WHAT YOU HAVE TO DO - From the entries below, transcribe exactly the lines between the line holding "#140=IFCINDEXEDPOLYGONALFACE((3,4,8,7));" and the line holding "#147=IFCRELAGGREGATES('0000000000000000000015',$,$,$,#8,(#16));", inclusive; skip all other lines.

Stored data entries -
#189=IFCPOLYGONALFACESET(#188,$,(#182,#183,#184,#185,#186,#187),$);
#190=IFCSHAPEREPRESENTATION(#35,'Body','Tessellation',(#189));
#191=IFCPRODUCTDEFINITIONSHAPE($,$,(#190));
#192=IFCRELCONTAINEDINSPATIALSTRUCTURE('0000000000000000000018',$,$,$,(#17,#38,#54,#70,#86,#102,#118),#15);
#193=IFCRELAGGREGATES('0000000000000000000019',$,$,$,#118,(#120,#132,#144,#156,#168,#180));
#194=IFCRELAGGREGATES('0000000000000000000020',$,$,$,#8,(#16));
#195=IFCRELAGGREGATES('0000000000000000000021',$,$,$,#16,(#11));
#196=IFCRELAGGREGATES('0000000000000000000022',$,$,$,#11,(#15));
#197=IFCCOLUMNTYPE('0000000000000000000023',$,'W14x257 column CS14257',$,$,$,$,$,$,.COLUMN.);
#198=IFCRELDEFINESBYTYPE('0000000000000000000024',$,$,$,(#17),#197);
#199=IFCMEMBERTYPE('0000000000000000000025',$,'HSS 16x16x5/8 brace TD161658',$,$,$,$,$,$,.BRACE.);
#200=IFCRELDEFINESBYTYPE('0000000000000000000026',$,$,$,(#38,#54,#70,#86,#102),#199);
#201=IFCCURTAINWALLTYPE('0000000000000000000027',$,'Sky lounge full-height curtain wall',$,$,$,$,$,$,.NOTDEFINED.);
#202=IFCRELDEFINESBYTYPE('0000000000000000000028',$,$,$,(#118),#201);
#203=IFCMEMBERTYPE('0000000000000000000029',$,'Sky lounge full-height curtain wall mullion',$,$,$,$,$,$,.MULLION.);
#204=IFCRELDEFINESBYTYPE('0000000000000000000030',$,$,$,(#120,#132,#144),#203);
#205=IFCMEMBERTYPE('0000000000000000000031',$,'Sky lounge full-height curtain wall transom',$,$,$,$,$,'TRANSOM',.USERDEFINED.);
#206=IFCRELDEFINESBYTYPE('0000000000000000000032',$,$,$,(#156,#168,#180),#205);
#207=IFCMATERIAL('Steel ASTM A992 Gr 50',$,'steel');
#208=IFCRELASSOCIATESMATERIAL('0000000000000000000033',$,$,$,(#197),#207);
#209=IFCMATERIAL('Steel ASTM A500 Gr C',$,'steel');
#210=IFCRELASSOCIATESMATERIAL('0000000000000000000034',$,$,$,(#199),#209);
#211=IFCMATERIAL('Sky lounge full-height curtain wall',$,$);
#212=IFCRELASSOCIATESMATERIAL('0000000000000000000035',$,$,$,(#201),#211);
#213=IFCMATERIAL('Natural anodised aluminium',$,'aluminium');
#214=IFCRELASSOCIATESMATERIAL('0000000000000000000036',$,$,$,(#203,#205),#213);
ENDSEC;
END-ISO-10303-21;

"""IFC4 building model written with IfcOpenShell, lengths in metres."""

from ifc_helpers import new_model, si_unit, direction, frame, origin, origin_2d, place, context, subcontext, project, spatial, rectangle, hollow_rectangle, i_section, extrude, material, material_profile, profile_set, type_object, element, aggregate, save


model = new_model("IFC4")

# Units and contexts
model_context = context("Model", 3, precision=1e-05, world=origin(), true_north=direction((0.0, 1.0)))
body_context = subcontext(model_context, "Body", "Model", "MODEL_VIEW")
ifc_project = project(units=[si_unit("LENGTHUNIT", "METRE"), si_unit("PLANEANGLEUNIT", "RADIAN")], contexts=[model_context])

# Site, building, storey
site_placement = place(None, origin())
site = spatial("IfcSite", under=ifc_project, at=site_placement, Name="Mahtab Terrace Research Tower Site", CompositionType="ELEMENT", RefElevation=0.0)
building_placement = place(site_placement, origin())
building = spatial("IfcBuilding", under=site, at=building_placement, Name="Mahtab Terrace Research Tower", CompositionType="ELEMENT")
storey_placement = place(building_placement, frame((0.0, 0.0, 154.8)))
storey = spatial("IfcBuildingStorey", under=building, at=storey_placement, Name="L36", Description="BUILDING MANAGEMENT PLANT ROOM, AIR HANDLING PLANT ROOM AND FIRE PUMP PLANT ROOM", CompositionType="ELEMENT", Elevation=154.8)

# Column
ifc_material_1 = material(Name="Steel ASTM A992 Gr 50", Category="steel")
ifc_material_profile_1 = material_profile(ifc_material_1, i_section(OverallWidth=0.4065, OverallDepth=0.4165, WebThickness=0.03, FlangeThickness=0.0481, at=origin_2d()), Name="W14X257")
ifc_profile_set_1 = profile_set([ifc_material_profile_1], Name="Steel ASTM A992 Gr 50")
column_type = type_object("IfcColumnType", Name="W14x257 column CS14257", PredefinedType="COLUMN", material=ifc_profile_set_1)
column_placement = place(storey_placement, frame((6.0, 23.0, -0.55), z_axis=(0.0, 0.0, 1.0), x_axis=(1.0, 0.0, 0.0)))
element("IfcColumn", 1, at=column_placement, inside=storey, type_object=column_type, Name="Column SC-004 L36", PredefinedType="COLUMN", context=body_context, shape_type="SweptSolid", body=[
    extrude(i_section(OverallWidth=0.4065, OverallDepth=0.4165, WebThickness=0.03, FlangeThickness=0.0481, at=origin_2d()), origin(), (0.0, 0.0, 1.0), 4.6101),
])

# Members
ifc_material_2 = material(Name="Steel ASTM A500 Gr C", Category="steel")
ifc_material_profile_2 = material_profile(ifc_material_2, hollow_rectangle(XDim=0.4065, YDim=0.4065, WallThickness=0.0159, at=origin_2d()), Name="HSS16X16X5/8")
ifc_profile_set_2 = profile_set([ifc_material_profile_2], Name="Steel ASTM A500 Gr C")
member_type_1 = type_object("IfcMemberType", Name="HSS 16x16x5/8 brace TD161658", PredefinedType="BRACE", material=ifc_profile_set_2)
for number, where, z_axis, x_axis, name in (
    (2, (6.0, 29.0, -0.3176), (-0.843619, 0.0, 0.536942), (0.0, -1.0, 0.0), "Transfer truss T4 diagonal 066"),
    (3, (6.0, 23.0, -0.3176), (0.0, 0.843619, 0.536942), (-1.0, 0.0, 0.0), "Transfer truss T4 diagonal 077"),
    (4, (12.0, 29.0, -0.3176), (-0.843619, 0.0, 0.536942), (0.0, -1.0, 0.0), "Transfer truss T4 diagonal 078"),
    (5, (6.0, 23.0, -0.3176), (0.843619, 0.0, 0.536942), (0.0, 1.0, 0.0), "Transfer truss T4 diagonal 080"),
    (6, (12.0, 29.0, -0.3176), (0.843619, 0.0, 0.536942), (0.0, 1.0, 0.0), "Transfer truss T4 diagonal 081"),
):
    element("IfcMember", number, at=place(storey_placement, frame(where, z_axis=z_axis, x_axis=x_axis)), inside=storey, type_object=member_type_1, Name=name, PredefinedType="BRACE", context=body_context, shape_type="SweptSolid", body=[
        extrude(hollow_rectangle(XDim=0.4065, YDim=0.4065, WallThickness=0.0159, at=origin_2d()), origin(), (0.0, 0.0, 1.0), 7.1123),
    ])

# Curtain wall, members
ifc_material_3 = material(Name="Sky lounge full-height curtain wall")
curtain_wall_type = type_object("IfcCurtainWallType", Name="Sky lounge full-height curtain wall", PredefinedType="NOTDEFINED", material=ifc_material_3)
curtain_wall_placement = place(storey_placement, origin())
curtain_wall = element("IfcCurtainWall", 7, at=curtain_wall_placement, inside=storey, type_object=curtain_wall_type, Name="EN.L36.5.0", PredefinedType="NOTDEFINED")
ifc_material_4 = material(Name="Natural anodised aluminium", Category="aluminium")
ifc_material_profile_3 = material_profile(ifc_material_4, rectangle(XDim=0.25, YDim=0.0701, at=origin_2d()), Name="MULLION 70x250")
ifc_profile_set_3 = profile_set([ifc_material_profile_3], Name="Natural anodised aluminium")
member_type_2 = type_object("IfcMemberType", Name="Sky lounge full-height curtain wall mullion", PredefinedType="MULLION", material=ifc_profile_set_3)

---

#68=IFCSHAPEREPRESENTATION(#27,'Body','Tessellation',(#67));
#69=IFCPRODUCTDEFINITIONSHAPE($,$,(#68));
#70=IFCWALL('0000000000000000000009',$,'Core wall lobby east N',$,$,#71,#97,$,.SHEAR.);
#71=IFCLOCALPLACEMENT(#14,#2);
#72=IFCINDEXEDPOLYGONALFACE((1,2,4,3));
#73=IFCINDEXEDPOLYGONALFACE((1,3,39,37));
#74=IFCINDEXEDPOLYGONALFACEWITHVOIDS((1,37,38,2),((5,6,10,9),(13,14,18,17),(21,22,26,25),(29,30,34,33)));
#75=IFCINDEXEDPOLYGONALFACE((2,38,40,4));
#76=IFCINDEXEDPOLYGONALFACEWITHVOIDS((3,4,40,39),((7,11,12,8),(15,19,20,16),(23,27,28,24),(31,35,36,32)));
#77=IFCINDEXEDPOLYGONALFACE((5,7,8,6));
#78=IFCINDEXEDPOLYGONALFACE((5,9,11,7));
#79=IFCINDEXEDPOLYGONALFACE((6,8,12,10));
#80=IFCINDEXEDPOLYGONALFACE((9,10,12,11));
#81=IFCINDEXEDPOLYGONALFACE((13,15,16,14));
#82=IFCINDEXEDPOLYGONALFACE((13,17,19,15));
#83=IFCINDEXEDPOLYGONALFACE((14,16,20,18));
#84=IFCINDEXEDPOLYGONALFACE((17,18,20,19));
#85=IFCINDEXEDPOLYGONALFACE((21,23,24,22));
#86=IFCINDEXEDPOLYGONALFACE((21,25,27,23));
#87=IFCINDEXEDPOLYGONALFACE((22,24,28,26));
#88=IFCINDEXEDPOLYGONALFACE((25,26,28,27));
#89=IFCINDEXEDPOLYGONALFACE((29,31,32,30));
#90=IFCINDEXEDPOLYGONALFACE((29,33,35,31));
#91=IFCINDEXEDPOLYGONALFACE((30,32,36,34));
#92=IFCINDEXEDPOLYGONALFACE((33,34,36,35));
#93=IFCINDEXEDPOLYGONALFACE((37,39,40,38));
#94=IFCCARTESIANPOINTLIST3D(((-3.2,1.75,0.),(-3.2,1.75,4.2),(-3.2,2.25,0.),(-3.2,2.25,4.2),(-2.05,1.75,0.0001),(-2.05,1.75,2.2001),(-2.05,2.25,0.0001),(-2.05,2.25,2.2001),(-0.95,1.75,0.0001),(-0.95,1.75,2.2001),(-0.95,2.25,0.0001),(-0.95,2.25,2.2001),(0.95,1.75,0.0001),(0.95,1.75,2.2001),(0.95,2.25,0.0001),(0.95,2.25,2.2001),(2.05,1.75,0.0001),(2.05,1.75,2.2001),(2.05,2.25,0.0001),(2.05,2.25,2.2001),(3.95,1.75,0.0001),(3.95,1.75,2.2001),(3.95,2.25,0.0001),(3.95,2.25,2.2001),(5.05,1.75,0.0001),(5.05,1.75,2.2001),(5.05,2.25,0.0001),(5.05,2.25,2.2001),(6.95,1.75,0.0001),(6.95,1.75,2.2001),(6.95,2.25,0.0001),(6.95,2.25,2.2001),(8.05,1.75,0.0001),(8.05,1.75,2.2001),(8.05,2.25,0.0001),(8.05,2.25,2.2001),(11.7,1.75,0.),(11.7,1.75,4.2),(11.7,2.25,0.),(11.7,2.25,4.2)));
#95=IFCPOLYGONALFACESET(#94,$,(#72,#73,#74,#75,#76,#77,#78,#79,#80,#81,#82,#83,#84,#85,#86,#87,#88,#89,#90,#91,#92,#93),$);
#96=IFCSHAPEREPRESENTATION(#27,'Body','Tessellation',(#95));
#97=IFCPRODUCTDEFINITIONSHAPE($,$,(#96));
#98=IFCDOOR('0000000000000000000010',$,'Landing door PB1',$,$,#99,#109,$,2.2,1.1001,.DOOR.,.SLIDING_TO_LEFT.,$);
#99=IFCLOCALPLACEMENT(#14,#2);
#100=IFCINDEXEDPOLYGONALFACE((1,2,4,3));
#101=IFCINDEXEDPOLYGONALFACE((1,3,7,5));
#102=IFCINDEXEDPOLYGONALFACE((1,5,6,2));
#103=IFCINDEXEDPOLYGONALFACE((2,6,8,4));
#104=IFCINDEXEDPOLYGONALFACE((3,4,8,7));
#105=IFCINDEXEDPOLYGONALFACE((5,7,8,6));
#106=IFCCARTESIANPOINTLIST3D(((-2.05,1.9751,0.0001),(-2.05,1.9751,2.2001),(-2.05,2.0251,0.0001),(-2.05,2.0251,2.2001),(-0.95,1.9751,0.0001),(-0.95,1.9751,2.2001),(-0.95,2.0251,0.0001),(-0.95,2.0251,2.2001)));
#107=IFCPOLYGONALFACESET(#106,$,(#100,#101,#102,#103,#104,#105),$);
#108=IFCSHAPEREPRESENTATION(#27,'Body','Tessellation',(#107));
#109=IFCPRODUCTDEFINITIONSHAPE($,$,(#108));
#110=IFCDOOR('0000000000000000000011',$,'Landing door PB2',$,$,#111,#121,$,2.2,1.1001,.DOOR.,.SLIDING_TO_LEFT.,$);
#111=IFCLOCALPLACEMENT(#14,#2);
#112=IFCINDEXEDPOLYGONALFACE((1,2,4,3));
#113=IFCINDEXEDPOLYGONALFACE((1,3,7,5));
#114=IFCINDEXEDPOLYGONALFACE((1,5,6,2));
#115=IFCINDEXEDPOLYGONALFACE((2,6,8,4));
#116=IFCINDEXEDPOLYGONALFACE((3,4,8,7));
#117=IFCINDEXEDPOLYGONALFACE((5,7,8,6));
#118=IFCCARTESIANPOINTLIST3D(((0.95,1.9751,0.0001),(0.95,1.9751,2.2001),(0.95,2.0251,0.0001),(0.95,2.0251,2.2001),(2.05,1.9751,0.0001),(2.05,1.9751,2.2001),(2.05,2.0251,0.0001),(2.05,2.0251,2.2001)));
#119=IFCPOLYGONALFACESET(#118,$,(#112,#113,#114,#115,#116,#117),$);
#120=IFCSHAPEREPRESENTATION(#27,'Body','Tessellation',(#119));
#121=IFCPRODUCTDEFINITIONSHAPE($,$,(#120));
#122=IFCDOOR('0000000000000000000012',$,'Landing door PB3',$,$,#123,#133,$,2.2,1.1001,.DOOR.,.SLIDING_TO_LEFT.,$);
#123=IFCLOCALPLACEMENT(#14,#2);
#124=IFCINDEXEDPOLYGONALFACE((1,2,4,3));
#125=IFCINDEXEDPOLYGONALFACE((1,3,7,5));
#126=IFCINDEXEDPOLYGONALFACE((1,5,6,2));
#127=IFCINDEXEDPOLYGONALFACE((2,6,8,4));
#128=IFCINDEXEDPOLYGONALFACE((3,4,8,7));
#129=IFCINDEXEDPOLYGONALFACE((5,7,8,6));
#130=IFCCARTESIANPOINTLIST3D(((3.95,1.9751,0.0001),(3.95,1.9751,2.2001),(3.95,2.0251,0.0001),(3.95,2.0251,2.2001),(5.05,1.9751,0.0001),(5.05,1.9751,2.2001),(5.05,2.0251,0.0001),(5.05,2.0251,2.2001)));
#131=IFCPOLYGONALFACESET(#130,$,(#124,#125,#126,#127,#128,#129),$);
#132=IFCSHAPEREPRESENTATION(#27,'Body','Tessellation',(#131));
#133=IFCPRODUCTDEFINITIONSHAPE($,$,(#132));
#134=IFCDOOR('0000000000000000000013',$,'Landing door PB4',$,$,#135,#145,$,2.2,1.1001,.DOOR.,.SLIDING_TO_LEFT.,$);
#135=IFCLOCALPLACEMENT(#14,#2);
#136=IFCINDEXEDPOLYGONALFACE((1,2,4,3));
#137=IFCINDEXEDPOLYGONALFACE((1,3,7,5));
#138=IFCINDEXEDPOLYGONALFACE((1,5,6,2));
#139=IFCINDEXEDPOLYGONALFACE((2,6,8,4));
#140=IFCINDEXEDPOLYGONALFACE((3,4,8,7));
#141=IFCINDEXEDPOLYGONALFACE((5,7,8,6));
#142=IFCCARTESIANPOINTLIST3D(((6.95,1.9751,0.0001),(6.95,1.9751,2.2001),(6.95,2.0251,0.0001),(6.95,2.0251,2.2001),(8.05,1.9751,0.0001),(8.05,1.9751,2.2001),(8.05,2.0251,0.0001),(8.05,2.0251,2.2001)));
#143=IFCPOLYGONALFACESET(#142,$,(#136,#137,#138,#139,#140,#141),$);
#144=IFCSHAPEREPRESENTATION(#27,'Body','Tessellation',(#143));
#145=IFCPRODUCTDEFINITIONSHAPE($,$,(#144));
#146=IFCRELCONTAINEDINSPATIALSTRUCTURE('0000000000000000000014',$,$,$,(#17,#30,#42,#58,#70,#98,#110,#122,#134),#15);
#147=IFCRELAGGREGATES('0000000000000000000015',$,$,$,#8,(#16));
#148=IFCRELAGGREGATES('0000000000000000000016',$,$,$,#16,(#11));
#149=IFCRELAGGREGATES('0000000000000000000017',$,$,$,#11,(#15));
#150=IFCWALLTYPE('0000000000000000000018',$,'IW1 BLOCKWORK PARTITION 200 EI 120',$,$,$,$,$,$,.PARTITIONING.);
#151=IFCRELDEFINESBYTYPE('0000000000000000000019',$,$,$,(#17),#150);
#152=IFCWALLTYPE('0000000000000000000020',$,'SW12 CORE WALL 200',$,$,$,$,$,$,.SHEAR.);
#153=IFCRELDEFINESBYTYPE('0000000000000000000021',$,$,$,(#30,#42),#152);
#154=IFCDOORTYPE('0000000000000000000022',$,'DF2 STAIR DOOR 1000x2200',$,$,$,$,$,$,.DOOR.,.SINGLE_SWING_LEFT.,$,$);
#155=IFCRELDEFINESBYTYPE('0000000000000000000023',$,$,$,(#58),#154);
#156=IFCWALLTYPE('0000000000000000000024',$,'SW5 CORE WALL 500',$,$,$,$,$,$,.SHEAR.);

REPLY -
#140=IFCINDEXEDPOLYGONALFACE((3,4,8,7));
#141=IFCINDEXEDPOLYGONALFACE((5,7,8,6));
#142=IFCCARTESIANPOINTLIST3D(((6.95,1.9751,0.0001),(6.95,1.9751,2.2001),(6.95,2.0251,0.0001),(6.95,2.0251,2.2001),(8.05,1.9751,0.0001),(8.05,1.9751,2.2001),(8.05,2.0251,0.0001),(8.05,2.0251,2.2001)));
#143=IFCPOLYGONALFACESET(#142,$,(#136,#137,#138,#139,#140,#141),$);
#144=IFCSHAPEREPRESENTATION(#27,'Body','Tessellation',(#143));
#145=IFCPRODUCTDEFINITIONSHAPE($,$,(#144));
#146=IFCRELCONTAINEDINSPATIALSTRUCTURE('0000000000000000000014',$,$,$,(#17,#30,#42,#58,#70,#98,#110,#122,#134),#15);
#147=IFCRELAGGREGATES('0000000000000000000015',$,$,$,#8,(#16));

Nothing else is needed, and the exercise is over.